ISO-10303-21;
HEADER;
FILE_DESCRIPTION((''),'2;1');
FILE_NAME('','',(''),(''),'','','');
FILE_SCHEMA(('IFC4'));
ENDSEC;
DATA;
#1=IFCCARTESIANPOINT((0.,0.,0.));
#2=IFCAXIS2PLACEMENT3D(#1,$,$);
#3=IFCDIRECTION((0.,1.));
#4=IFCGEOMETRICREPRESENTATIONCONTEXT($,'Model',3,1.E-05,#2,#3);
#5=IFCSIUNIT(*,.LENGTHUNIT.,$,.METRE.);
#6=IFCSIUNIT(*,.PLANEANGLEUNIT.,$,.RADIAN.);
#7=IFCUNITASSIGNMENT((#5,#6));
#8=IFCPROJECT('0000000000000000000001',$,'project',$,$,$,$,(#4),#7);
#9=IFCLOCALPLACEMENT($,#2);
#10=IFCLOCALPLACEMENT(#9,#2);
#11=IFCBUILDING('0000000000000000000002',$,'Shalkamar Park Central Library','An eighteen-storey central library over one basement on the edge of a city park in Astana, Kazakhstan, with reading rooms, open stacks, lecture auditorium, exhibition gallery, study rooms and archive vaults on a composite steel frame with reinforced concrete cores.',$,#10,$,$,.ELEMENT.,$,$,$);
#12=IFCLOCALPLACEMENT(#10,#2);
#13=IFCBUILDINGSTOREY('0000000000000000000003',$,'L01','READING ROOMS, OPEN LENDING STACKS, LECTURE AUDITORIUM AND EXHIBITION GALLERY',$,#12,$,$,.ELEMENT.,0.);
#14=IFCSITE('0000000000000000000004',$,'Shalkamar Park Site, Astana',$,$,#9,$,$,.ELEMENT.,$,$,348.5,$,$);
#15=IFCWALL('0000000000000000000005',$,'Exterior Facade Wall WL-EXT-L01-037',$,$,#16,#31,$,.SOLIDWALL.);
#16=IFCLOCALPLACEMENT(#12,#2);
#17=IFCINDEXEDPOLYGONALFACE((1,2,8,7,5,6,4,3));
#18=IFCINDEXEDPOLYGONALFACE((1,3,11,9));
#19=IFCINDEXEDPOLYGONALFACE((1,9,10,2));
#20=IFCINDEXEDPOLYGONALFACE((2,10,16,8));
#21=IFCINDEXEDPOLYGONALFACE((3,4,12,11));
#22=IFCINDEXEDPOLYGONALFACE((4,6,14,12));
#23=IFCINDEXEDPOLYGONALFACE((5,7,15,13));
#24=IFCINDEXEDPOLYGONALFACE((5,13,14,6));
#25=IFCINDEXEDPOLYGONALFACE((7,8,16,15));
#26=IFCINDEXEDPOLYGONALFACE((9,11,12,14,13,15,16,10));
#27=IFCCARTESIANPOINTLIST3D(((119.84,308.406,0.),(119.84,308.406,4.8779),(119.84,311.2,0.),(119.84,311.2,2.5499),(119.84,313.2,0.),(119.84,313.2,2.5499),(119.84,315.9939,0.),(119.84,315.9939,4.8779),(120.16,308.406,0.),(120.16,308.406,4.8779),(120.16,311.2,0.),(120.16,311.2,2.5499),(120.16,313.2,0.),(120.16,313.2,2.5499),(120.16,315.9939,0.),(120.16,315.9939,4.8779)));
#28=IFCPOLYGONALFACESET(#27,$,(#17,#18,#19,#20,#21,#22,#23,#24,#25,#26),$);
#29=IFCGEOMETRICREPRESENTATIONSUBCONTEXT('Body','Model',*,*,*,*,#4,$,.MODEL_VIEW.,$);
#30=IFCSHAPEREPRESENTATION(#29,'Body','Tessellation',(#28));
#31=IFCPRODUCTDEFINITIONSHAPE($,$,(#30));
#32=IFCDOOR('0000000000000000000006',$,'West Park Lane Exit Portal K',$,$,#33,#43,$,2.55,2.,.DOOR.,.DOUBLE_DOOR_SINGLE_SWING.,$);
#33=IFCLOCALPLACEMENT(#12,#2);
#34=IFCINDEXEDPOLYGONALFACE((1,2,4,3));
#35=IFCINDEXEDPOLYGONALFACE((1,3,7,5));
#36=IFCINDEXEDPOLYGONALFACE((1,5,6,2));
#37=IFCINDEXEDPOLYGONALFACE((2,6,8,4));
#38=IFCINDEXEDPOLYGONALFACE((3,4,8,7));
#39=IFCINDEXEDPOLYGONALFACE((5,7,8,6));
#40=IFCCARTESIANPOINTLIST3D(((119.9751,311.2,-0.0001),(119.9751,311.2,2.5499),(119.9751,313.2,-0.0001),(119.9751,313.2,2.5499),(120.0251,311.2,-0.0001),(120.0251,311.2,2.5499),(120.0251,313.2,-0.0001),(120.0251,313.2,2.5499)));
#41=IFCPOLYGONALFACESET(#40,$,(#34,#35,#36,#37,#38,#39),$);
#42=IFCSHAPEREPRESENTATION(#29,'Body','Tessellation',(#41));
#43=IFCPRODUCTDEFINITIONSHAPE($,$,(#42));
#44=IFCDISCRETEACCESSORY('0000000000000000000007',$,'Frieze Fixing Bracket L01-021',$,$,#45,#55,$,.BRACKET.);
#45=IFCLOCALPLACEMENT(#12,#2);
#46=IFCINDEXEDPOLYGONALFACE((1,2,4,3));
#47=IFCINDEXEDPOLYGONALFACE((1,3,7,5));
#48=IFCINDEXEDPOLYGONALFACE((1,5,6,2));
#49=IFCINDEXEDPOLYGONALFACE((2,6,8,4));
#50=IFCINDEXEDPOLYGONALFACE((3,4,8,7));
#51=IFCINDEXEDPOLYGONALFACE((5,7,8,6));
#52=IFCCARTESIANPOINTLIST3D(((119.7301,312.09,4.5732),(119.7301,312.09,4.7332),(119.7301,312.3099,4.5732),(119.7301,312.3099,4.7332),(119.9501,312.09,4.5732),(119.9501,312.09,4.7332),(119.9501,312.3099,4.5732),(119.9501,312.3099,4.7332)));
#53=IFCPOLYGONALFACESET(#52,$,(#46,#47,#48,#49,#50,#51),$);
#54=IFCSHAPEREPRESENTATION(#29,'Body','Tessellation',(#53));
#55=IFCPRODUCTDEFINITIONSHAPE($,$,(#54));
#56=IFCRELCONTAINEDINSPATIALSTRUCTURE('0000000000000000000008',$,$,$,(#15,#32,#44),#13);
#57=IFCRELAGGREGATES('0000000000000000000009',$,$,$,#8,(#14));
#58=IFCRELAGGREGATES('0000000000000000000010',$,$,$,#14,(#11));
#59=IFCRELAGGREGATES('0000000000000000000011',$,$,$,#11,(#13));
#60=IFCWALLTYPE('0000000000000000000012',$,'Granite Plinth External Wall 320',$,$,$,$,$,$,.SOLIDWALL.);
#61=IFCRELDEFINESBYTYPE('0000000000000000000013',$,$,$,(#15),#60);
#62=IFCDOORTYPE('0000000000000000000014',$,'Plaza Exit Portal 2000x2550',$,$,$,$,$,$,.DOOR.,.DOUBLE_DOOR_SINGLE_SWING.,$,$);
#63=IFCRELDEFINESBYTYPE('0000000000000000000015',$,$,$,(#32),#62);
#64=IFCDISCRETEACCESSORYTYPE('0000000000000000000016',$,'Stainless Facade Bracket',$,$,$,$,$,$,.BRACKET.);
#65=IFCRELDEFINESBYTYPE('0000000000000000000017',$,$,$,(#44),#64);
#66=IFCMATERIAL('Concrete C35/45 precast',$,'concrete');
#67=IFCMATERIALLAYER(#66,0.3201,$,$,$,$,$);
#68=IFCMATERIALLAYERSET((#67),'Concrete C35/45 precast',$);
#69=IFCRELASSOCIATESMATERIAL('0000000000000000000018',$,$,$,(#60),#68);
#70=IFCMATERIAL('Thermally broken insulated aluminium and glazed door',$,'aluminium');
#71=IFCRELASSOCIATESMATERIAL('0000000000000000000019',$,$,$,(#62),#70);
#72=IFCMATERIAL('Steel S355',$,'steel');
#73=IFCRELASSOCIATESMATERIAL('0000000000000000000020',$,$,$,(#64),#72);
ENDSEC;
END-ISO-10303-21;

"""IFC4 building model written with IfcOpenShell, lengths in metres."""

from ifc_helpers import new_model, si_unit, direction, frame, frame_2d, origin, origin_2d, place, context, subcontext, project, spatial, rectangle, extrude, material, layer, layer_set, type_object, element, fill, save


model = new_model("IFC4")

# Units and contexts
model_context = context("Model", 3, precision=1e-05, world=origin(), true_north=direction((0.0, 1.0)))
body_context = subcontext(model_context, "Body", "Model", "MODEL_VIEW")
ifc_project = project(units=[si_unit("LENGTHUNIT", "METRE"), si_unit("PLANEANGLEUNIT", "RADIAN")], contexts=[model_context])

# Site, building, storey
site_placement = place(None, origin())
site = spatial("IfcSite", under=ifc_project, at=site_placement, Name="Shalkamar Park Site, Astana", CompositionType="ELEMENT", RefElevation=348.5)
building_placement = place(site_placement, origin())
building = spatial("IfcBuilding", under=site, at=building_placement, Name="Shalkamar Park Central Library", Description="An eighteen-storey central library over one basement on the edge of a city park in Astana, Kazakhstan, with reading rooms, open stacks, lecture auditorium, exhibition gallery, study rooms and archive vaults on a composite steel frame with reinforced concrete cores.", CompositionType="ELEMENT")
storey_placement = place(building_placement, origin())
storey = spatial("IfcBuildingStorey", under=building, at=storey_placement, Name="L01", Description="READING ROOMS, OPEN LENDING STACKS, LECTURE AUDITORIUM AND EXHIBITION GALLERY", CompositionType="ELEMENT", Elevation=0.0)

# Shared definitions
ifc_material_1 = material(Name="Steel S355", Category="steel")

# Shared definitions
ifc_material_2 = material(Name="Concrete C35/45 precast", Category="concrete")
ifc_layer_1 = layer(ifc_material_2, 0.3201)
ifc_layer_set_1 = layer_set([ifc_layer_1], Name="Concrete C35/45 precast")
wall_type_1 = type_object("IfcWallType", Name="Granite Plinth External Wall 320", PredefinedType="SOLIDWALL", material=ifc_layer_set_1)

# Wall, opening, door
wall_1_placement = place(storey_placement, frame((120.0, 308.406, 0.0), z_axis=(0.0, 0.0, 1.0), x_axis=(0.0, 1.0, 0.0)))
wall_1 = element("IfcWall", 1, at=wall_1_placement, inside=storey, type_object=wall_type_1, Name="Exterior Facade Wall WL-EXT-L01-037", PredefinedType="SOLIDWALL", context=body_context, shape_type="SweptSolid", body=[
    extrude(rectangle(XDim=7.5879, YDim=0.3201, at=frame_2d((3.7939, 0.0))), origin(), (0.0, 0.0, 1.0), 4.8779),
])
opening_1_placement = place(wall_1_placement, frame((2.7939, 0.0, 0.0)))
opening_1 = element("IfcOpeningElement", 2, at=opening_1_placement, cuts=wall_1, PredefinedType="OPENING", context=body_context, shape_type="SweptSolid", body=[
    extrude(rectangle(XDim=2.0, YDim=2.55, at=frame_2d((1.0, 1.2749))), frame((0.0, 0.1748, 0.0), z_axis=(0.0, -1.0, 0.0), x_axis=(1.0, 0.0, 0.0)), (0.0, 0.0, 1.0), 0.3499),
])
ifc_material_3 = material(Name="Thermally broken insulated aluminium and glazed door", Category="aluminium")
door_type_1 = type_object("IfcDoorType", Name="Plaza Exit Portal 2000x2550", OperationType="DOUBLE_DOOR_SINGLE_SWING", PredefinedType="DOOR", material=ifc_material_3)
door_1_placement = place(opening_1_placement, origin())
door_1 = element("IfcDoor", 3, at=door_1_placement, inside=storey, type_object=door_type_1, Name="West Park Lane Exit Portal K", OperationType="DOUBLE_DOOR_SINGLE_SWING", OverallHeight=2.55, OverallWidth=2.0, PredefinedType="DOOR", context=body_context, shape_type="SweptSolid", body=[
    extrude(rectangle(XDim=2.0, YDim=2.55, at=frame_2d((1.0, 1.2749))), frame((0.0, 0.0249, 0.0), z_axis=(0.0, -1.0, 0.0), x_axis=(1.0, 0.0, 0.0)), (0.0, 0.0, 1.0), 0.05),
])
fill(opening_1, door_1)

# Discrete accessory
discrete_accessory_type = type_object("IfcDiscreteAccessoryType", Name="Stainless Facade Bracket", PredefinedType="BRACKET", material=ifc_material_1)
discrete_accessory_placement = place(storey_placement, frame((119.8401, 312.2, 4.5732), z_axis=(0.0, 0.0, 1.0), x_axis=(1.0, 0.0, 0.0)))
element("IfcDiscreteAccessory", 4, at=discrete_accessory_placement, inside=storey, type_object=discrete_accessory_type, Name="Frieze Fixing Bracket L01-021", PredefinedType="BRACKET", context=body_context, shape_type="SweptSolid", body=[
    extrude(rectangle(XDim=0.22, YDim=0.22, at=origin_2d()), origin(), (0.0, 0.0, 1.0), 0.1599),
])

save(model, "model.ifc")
_ _ _ _ _ _ _
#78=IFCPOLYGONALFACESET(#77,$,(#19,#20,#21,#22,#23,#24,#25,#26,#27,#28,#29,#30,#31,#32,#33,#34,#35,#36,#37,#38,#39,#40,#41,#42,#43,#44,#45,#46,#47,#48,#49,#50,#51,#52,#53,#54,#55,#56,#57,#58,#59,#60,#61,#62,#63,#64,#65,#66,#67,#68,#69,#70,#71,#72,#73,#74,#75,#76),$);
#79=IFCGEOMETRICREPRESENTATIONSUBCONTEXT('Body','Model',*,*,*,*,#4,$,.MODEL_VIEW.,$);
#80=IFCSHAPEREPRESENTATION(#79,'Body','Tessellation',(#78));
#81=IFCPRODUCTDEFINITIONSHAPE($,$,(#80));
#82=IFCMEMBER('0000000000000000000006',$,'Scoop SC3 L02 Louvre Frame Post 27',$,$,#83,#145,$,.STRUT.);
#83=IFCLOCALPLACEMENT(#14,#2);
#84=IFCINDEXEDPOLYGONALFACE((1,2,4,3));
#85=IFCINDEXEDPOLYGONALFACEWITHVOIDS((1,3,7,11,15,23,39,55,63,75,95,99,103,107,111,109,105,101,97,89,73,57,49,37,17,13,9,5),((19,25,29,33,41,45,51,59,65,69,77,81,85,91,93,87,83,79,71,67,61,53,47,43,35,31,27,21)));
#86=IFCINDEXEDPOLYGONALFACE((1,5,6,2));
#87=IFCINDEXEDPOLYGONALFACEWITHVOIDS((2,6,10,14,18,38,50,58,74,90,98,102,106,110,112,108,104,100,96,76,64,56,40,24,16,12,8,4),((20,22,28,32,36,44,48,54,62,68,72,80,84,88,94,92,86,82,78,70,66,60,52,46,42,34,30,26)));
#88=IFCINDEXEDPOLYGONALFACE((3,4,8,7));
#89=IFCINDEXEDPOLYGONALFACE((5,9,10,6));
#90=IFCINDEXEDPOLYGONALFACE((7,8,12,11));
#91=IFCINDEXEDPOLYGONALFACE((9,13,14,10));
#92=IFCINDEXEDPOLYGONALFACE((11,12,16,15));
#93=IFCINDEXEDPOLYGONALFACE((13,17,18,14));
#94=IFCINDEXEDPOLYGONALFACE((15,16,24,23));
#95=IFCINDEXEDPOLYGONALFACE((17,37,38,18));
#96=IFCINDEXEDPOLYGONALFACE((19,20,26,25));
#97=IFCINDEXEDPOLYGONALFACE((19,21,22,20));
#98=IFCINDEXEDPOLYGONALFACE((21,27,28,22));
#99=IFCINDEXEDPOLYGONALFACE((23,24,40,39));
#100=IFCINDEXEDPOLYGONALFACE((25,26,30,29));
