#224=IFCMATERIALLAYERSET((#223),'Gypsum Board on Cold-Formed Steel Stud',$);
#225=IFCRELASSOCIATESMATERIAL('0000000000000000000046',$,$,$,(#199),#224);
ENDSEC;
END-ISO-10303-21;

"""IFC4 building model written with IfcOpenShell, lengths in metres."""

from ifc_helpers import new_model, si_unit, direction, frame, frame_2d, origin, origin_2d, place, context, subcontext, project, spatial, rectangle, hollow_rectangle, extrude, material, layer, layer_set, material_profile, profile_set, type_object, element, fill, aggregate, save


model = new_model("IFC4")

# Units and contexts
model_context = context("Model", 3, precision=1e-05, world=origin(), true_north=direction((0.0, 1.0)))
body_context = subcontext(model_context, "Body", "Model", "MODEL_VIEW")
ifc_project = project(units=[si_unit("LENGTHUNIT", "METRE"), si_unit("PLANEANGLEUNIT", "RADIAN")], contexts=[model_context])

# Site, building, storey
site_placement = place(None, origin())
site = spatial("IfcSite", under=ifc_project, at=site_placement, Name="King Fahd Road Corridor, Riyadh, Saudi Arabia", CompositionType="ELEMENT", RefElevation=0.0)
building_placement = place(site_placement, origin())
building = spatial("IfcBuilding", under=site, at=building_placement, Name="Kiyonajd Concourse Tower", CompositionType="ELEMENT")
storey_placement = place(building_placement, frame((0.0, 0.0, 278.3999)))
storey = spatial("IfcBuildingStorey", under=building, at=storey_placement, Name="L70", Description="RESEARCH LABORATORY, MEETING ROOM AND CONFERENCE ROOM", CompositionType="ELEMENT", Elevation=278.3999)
_ _ _ _ _ _ _
Beginning with the line that has "#1=IFCCARTESIANPOINT((0.,0.,0.));" and ending with the line that has "#26=IFCINDEXEDPOLYGONALFACE((9,11,12,14,13,15,16,10));", set down the lines above exactly and include no others.

#1=IFCCARTESIANPOINT((0.,0.,0.));
#2=IFCAXIS2PLACEMENT3D(#1,$,$);
#3=IFCDIRECTION((0.,1.));
#4=IFCGEOMETRICREPRESENTATIONCONTEXT($,'Model',3,1.E-05,#2,#3);
#5=IFCSIUNIT(*,.LENGTHUNIT.,$,.METRE.);
#6=IFCSIUNIT(*,.PLANEANGLEUNIT.,$,.RADIAN.);
#7=IFCUNITASSIGNMENT((#5,#6));
#8=IFCPROJECT('0000000000000000000001',$,'project',$,$,$,$,(#4),#7);
#9=IFCLOCALPLACEMENT($,#2);
#10=IFCLOCALPLACEMENT(#9,#2);
#11=IFCBUILDING('0000000000000000000002',$,'Shalkamar Park Central Library','An eighteen-storey central library over one basement on the edge of a city park in Astana, Kazakhstan, with reading rooms, open stacks, lecture auditorium, exhibition gallery, study rooms and archive vaults on a composite steel frame with reinforced concrete cores.',$,#10,$,$,.ELEMENT.,$,$,$);
#12=IFCLOCALPLACEMENT(#10,#2);
#13=IFCBUILDINGSTOREY('0000000000000000000003',$,'L01','READING ROOMS, OPEN LENDING STACKS, LECTURE AUDITORIUM AND EXHIBITION GALLERY',$,#12,$,$,.ELEMENT.,0.);
#14=IFCSITE('0000000000000000000004',$,'Shalkamar Park Site, Astana',$,$,#9,$,$,.ELEMENT.,$,$,348.5,$,$);
#15=IFCWALL('0000000000000000000005',$,'Exterior Facade Wall WL-EXT-L01-037',$,$,#16,#31,$,.SOLIDWALL.);
#16=IFCLOCALPLACEMENT(#12,#2);
#17=IFCINDEXEDPOLYGONALFACE((1,2,8,7,5,6,4,3));
#18=IFCINDEXEDPOLYGONALFACE((1,3,11,9));
#19=IFCINDEXEDPOLYGONALFACE((1,9,10,2));
#20=IFCINDEXEDPOLYGONALFACE((2,10,16,8));
#21=IFCINDEXEDPOLYGONALFACE((3,4,12,11));
#22=IFCINDEXEDPOLYGONALFACE((4,6,14,12));
#23=IFCINDEXEDPOLYGONALFACE((5,7,15,13));
#24=IFCINDEXEDPOLYGONALFACE((5,13,14,6));
#25=IFCINDEXEDPOLYGONALFACE((7,8,16,15));
#26=IFCINDEXEDPOLYGONALFACE((9,11,12,14,13,15,16,10));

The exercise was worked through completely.